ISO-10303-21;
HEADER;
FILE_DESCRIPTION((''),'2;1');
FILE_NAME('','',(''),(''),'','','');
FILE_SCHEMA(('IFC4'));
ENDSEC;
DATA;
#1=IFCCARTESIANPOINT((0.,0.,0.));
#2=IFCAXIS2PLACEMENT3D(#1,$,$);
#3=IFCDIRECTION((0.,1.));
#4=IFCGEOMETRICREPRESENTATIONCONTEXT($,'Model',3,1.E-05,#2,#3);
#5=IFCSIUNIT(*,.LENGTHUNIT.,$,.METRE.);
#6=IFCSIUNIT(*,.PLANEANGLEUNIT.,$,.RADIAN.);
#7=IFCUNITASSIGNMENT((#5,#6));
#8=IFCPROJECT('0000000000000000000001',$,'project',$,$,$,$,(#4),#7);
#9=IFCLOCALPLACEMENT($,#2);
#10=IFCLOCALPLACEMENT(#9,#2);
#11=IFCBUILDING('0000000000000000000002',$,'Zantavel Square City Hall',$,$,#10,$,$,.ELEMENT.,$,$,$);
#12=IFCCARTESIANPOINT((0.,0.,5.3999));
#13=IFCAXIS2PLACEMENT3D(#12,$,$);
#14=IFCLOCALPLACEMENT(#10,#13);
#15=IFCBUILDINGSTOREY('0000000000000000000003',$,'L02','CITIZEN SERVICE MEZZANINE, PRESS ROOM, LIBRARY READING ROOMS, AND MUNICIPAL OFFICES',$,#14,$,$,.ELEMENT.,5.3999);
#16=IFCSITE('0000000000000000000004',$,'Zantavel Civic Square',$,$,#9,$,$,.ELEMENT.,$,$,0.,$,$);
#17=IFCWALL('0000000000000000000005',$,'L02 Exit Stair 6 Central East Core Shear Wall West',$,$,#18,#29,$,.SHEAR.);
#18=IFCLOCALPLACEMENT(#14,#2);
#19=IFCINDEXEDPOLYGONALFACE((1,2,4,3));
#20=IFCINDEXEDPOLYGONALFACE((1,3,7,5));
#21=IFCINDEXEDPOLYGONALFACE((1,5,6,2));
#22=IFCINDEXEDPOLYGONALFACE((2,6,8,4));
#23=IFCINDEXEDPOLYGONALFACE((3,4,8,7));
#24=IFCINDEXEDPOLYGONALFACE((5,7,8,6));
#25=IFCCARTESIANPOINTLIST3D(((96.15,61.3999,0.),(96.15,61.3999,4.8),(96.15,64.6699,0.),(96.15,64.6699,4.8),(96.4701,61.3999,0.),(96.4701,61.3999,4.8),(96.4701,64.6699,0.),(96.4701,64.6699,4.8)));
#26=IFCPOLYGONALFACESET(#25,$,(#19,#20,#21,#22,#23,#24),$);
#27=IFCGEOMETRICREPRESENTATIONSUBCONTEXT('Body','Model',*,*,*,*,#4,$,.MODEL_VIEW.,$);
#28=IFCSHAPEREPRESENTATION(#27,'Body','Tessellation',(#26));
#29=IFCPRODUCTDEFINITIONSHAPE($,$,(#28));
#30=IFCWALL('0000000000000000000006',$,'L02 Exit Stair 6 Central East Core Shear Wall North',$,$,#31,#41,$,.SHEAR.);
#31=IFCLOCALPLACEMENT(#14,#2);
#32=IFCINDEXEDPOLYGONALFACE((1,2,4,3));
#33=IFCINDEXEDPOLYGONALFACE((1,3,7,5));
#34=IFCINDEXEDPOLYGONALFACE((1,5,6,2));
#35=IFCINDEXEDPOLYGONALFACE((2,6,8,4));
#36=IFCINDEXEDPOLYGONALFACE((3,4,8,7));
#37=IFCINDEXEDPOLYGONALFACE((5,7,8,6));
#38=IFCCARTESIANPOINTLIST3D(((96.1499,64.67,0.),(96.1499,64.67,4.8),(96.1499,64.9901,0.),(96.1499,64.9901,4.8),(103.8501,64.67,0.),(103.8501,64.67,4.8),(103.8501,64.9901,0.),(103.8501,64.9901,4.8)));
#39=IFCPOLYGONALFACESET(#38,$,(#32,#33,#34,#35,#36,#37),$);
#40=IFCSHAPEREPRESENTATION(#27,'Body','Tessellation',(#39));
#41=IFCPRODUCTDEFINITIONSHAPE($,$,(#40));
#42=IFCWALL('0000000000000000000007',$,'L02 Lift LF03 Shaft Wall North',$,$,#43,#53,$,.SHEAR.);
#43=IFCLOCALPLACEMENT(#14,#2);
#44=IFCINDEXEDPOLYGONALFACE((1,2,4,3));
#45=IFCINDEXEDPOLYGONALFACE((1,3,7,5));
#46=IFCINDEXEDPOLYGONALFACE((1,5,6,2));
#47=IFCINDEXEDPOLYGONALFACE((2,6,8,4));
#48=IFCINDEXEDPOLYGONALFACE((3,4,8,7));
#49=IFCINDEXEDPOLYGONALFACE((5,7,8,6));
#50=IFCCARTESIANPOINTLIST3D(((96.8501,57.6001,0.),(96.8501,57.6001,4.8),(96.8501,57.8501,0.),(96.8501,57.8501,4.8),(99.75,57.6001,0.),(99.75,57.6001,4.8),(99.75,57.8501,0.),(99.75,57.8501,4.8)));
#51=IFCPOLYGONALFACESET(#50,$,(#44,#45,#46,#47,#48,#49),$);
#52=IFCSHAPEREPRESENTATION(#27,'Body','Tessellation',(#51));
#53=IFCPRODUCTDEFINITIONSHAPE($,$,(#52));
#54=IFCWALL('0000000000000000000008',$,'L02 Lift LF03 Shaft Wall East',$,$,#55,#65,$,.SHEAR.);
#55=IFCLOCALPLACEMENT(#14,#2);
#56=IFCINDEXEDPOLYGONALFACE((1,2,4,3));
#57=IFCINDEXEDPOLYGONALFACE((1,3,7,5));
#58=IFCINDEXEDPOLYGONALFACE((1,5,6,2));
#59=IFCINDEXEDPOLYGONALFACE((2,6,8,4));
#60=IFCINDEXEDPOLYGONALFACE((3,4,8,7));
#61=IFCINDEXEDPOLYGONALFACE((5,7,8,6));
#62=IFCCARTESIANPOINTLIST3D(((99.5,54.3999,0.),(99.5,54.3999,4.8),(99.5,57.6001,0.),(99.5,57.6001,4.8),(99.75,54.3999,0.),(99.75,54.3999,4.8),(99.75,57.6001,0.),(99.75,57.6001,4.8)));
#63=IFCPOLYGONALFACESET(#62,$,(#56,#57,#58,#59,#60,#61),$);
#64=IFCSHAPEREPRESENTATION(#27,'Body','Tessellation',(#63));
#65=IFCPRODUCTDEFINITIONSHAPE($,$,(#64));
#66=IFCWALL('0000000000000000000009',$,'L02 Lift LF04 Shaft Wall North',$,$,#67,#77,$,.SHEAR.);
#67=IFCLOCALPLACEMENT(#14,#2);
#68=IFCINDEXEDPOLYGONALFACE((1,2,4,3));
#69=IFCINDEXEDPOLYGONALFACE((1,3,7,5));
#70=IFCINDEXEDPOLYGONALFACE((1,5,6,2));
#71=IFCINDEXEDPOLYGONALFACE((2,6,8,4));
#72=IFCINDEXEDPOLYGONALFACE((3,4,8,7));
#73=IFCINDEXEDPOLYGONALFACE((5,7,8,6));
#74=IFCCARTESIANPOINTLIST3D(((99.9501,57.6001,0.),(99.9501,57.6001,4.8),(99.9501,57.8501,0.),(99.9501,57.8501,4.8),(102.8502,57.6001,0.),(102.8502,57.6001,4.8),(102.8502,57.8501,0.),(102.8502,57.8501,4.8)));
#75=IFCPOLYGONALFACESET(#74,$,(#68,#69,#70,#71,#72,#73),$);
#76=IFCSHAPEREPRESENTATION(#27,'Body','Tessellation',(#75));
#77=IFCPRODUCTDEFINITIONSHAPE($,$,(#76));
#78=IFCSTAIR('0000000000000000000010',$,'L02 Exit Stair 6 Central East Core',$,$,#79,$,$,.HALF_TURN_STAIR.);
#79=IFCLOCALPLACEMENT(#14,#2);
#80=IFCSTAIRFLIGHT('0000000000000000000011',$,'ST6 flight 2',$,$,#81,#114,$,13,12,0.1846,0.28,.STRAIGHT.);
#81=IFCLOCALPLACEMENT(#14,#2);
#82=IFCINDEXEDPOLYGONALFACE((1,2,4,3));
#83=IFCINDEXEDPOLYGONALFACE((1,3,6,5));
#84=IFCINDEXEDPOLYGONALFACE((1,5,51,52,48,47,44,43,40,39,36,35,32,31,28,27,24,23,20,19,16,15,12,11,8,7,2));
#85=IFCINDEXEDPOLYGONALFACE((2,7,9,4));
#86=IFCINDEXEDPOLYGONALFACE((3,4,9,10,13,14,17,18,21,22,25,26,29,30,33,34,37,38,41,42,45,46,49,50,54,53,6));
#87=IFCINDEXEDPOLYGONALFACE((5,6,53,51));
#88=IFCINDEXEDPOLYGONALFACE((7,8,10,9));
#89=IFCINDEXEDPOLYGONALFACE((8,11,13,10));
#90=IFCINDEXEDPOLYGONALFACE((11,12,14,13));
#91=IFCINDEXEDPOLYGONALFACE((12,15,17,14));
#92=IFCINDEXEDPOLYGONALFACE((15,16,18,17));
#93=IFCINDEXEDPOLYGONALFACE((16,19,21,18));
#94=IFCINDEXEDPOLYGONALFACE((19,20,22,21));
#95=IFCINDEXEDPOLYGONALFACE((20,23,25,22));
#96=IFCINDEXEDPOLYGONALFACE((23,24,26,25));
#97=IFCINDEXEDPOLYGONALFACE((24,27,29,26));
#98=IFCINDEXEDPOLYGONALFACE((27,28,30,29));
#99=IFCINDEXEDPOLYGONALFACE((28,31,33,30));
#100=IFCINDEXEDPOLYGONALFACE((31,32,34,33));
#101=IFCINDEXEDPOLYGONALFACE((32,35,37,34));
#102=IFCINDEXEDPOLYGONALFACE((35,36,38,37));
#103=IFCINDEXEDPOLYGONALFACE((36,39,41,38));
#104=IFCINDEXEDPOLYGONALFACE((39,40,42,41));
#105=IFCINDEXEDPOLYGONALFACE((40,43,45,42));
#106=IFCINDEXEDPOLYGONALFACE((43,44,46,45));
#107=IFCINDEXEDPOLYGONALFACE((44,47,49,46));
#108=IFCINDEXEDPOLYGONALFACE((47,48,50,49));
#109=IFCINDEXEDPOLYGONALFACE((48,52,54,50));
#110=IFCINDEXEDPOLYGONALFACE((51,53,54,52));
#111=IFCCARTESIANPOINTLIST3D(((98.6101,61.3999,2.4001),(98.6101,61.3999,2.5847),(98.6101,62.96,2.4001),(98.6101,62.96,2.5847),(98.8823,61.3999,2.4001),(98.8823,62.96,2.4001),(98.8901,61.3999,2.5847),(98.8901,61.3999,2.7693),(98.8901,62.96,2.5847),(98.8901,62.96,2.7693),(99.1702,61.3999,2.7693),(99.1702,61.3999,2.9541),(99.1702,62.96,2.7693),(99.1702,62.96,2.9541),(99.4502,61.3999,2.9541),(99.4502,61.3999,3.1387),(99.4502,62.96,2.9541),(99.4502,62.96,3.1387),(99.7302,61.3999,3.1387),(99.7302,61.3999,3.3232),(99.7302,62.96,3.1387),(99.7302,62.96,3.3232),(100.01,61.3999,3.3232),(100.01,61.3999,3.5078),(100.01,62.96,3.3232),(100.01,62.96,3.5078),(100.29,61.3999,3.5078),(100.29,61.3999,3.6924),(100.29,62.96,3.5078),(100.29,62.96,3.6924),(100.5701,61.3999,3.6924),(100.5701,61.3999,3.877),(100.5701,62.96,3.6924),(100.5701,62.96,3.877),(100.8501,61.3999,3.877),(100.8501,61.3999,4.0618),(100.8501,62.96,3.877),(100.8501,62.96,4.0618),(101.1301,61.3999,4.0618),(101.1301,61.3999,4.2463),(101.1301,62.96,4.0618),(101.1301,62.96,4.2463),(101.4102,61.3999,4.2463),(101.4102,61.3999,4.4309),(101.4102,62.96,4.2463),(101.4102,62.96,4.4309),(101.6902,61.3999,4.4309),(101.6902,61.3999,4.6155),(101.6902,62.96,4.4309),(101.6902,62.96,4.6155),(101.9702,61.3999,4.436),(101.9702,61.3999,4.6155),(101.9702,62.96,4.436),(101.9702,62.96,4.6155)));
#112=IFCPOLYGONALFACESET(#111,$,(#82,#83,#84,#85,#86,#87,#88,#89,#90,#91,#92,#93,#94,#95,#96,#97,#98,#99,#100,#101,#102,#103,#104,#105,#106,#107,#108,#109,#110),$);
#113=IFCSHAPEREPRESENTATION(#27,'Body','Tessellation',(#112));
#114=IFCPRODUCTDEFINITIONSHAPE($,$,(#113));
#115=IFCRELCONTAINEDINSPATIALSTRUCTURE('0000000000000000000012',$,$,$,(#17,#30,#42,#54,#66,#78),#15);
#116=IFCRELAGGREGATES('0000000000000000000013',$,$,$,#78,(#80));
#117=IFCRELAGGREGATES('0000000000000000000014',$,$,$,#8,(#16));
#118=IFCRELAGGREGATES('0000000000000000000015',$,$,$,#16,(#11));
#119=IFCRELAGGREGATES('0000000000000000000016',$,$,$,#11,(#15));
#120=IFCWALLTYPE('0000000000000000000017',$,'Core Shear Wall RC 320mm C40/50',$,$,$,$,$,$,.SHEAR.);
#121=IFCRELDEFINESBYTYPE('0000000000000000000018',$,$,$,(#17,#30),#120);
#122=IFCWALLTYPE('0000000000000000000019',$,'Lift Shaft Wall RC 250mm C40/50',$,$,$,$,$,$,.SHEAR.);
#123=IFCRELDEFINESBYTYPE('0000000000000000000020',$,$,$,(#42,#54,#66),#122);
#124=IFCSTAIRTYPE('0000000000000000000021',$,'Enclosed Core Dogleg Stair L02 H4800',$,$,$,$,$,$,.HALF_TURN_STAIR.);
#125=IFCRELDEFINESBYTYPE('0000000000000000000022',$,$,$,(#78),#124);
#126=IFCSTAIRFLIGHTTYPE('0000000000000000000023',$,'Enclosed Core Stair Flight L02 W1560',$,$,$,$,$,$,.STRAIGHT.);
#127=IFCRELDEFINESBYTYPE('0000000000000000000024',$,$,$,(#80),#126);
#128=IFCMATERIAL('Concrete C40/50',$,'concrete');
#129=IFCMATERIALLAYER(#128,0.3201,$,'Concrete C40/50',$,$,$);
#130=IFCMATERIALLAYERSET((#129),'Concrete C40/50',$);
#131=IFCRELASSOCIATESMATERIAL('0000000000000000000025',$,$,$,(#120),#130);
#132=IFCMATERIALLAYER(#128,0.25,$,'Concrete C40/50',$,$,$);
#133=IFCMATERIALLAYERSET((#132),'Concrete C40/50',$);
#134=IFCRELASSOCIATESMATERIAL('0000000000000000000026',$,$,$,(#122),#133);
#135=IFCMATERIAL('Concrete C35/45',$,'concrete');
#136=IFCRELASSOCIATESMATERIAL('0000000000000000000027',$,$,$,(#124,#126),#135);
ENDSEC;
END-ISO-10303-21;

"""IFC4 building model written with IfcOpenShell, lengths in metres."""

from ifc_helpers import new_model, si_unit, direction, frame, frame_2d, origin, place, context, subcontext, project, spatial, polyline, rectangle, outline, extrude, material, layer, layer_set, type_object, element, aggregate, save


model = new_model("IFC4")

# Units and contexts
model_context = context("Model", 3, precision=1e-05, world=origin(), true_north=direction((0.0, 1.0)))
body_context = subcontext(model_context, "Body", "Model", "MODEL_VIEW")
ifc_project = project(units=[si_unit("LENGTHUNIT", "METRE"), si_unit("PLANEANGLEUNIT", "RADIAN")], contexts=[model_context])

# Site, building, storey
site_placement = place(None, origin())
site = spatial("IfcSite", under=ifc_project, at=site_placement, Name="Zantavel Civic Square", CompositionType="ELEMENT", RefElevation=0.0)
building_placement = place(site_placement, origin())
building = spatial("IfcBuilding", under=site, at=building_placement, Name="Zantavel Square City Hall", CompositionType="ELEMENT")
storey_placement = place(building_placement, frame((0.0, 0.0, 5.3999)))
storey = spatial("IfcBuildingStorey", under=building, at=storey_placement, Name="L02", Description="CITIZEN SERVICE MEZZANINE, PRESS ROOM, LIBRARY READING ROOMS, AND MUNICIPAL OFFICES", CompositionType="ELEMENT", Elevation=5.3999)

# Shared definitions
ifc_material_1 = material(Name="Concrete C40/50", Category="concrete")

# Shared definitions
ifc_material_2 = material(Name="Concrete C35/45", Category="concrete")

# Walls
ifc_layer_1 = layer(ifc_material_1, 0.3201, Name="Concrete C40/50")
ifc_layer_set_1 = layer_set([ifc_layer_1], Name="Concrete C40/50")
wall_type_1 = type_object("IfcWallType", Name="Core Shear Wall RC 320mm C40/50", PredefinedType="SHEAR", material=ifc_layer_set_1)
wall_1_placement = place(storey_placement, frame((96.3101, 61.3999, 0.0), z_axis=(0.0, 0.0, 1.0), x_axis=(0.0, 1.0, 0.0)))
element("IfcWall", 1, at=wall_1_placement, inside=storey, type_object=wall_type_1, Name="L02 Exit Stair 6 Central East Core Shear Wall West", PredefinedType="SHEAR", context=body_context, shape_type="SweptSolid", body=[
    extrude(rectangle(XDim=3.27, YDim=0.3201, at=frame_2d((1.635, 0.0))), origin(), (0.0, 0.0, 1.0), 4.8),
])
wall_2_placement = place(storey_placement, frame((96.1499, 64.8301, 0.0), z_axis=(0.0, 0.0, 1.0), x_axis=(1.0, 0.0, 0.0)))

Aim of the exercise >> Copy range, inclusive: the line holding "#63=IFCPOLYGONALFACESET(#62,$,(#56,#57,#58,#59,#60,#61),$);" to the line holding "#91=IFCINDEXEDPOLYGONALFACE((12,15,17,14));". Reproduce exactly those lines of the records above and no others.

Written answer >>
#63=IFCPOLYGONALFACESET(#62,$,(#56,#57,#58,#59,#60,#61),$);
#64=IFCSHAPEREPRESENTATION(#27,'Body','Tessellation',(#63));
#65=IFCPRODUCTDEFINITIONSHAPE($,$,(#64));
#66=IFCWALL('0000000000000000000009',$,'L02 Lift LF04 Shaft Wall North',$,$,#67,#77,$,.SHEAR.);
#67=IFCLOCALPLACEMENT(#14,#2);
#68=IFCINDEXEDPOLYGONALFACE((1,2,4,3));
#69=IFCINDEXEDPOLYGONALFACE((1,3,7,5));
#70=IFCINDEXEDPOLYGONALFACE((1,5,6,2));
#71=IFCINDEXEDPOLYGONALFACE((2,6,8,4));
#72=IFCINDEXEDPOLYGONALFACE((3,4,8,7));
#73=IFCINDEXEDPOLYGONALFACE((5,7,8,6));
#74=IFCCARTESIANPOINTLIST3D(((99.9501,57.6001,0.),(99.9501,57.6001,4.8),(99.9501,57.8501,0.),(99.9501,57.8501,4.8),(102.8502,57.6001,0.),(102.8502,57.6001,4.8),(102.8502,57.8501,0.),(102.8502,57.8501,4.8)));
#75=IFCPOLYGONALFACESET(#74,$,(#68,#69,#70,#71,#72,#73),$);
#76=IFCSHAPEREPRESENTATION(#27,'Body','Tessellation',(#75));
#77=IFCPRODUCTDEFINITIONSHAPE($,$,(#76));
#78=IFCSTAIR('0000000000000000000010',$,'L02 Exit Stair 6 Central East Core',$,$,#79,$,$,.HALF_TURN_STAIR.);
#79=IFCLOCALPLACEMENT(#14,#2);
#80=IFCSTAIRFLIGHT('0000000000000000000011',$,'ST6 flight 2',$,$,#81,#114,$,13,12,0.1846,0.28,.STRAIGHT.);
#81=IFCLOCALPLACEMENT(#14,#2);
#82=IFCINDEXEDPOLYGONALFACE((1,2,4,3));
#83=IFCINDEXEDPOLYGONALFACE((1,3,6,5));
#84=IFCINDEXEDPOLYGONALFACE((1,5,51,52,48,47,44,43,40,39,36,35,32,31,28,27,24,23,20,19,16,15,12,11,8,7,2));
#85=IFCINDEXEDPOLYGONALFACE((2,7,9,4));
#86=IFCINDEXEDPOLYGONALFACE((3,4,9,10,13,14,17,18,21,22,25,26,29,30,33,34,37,38,41,42,45,46,49,50,54,53,6));
#87=IFCINDEXEDPOLYGONALFACE((5,6,53,51));
#88=IFCINDEXEDPOLYGONALFACE((7,8,10,9));
#89=IFCINDEXEDPOLYGONALFACE((8,11,13,10));
#90=IFCINDEXEDPOLYGONALFACE((11,12,14,13));
#91=IFCINDEXEDPOLYGONALFACE((12,15,17,14));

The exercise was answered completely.